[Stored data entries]

■ ■ ■ ■ ■

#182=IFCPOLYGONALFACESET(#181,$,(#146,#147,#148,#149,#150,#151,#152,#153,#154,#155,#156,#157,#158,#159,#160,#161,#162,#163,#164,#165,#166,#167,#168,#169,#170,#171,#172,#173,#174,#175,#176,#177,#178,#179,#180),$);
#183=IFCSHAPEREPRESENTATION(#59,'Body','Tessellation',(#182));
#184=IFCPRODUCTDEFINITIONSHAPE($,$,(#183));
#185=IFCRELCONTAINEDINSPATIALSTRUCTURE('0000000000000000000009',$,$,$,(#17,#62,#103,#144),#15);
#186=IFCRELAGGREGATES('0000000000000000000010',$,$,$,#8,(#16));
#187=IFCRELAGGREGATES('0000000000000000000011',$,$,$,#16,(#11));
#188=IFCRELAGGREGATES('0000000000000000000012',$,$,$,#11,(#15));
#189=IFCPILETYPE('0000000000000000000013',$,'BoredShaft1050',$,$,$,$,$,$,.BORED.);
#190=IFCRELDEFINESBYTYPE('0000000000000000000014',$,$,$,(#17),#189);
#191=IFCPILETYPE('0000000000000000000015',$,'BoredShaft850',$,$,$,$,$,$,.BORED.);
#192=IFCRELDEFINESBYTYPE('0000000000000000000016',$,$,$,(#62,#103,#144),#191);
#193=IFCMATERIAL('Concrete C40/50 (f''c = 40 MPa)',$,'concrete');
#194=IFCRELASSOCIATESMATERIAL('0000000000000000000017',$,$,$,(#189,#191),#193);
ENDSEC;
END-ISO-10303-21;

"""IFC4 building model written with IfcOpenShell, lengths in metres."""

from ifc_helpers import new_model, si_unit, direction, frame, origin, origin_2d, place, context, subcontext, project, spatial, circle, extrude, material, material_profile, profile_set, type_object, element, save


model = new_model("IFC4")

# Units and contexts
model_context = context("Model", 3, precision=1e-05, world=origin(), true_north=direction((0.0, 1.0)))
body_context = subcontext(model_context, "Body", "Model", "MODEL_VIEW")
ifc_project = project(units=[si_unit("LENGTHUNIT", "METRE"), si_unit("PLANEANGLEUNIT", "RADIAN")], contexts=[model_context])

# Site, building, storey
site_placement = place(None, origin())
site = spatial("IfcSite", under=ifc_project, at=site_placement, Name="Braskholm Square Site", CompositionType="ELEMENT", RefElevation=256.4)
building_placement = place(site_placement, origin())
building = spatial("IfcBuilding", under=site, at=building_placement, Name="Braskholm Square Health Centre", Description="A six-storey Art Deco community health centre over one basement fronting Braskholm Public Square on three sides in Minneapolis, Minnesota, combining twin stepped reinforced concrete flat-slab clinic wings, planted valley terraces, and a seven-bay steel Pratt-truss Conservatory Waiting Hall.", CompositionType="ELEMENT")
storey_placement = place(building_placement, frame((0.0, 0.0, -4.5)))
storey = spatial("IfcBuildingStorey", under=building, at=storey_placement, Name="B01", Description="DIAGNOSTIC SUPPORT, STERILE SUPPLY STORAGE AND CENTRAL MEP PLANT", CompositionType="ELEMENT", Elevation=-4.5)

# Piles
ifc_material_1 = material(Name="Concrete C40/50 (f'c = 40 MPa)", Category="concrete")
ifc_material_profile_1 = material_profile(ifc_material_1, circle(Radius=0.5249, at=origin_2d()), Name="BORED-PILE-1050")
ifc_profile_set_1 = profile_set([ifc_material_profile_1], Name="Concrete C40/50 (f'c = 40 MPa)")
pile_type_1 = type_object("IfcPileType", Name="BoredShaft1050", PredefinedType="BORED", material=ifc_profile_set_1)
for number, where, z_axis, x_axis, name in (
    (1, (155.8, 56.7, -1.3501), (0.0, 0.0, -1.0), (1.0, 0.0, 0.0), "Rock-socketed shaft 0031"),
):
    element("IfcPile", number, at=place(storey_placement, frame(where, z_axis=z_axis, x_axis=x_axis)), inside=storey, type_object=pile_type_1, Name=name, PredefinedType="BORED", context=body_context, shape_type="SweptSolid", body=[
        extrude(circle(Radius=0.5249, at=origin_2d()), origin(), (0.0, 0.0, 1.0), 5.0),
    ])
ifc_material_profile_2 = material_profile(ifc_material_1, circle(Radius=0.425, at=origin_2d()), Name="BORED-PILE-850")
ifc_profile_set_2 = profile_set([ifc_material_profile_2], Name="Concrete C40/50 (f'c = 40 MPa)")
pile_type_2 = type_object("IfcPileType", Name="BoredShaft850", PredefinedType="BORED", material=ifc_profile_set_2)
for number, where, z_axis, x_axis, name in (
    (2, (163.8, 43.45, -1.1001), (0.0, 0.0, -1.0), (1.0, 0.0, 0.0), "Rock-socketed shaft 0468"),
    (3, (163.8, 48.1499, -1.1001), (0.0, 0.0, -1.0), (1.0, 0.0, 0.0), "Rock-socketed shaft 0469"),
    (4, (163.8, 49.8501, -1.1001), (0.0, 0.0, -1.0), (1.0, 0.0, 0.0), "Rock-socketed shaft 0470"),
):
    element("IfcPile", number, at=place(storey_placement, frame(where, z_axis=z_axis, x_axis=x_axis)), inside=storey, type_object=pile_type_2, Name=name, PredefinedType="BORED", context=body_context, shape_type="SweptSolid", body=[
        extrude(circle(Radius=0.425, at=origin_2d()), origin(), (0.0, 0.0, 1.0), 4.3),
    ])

■ ■ ■ ■ ■

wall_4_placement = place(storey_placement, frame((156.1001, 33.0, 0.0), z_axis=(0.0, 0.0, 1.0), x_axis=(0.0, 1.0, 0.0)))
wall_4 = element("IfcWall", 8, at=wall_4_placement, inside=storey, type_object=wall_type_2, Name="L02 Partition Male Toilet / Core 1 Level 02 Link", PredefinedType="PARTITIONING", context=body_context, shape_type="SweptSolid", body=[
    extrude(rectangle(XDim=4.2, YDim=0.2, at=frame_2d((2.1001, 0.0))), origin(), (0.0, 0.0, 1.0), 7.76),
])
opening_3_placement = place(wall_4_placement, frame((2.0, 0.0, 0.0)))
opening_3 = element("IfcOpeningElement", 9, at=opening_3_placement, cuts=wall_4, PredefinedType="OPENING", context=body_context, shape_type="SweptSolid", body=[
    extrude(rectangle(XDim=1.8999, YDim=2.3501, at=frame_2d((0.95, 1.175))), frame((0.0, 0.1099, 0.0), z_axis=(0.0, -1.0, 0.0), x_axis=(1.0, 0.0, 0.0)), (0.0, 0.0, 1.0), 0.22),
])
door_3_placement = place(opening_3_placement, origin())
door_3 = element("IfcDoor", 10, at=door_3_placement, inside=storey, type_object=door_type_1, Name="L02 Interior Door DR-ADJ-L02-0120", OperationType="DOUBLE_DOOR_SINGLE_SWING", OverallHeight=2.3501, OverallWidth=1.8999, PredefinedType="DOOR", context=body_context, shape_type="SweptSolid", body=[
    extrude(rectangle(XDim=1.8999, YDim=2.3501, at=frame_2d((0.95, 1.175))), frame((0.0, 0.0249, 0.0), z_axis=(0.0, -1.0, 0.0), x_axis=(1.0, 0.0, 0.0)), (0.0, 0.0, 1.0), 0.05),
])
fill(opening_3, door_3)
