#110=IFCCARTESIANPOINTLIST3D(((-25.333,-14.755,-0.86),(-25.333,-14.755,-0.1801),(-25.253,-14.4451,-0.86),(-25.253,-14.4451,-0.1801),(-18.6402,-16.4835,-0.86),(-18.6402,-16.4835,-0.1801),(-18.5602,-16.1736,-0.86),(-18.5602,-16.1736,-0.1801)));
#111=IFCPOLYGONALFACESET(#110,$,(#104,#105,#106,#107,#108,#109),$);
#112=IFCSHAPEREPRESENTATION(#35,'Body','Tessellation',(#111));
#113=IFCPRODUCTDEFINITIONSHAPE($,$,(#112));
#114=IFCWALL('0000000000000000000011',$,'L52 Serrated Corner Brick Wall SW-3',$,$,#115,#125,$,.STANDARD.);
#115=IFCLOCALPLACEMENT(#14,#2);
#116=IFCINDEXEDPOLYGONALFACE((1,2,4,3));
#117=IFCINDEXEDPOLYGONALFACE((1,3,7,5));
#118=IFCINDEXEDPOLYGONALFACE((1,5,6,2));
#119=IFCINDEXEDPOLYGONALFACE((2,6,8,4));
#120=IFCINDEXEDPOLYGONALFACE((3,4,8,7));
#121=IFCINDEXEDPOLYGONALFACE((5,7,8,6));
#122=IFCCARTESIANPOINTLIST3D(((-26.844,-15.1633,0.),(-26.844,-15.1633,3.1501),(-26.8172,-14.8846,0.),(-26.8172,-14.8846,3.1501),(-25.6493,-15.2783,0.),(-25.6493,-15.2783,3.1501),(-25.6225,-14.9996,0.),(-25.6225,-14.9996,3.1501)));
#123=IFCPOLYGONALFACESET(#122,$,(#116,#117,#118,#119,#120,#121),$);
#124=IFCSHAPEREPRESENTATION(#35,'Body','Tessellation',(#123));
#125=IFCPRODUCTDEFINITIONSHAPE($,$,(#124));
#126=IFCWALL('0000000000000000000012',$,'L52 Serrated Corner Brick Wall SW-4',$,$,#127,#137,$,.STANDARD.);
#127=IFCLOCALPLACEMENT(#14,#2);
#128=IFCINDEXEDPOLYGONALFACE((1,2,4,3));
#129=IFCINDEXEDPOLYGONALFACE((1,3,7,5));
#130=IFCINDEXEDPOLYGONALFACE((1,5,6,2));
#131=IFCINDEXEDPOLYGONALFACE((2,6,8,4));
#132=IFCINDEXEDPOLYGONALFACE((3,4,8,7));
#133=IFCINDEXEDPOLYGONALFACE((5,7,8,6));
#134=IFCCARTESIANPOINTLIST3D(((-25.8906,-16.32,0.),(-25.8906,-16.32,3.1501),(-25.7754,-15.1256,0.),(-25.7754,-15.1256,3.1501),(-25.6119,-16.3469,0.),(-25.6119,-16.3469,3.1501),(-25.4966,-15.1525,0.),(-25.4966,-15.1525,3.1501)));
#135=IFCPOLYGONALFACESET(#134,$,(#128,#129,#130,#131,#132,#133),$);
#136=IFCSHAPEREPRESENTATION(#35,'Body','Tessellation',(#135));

■ ■ ■ ■ ■

-- TASK INSTRUCTIONS --
If a line in the records includes the string "where", copy it.

-- ANSWER AREA --
for number, where, z_axis, x_axis, name in (
    element("IfcPile", number, at=place(storey_placement, frame(where, z_axis=z_axis, x_axis=x_axis)), inside=storey, type_object=pile_type_1, Name=name, PredefinedType="BORED", context=body_context, shape_type="SweptSolid", body=[
for number, where, z_axis, x_axis, name in (
    element("IfcPile", number, at=place(storey_placement, frame(where, z_axis=z_axis, x_axis=x_axis)), inside=storey, type_object=pile_type_2, Name=name, PredefinedType="BORED", context=body_context, shape_type="SweptSolid", body=[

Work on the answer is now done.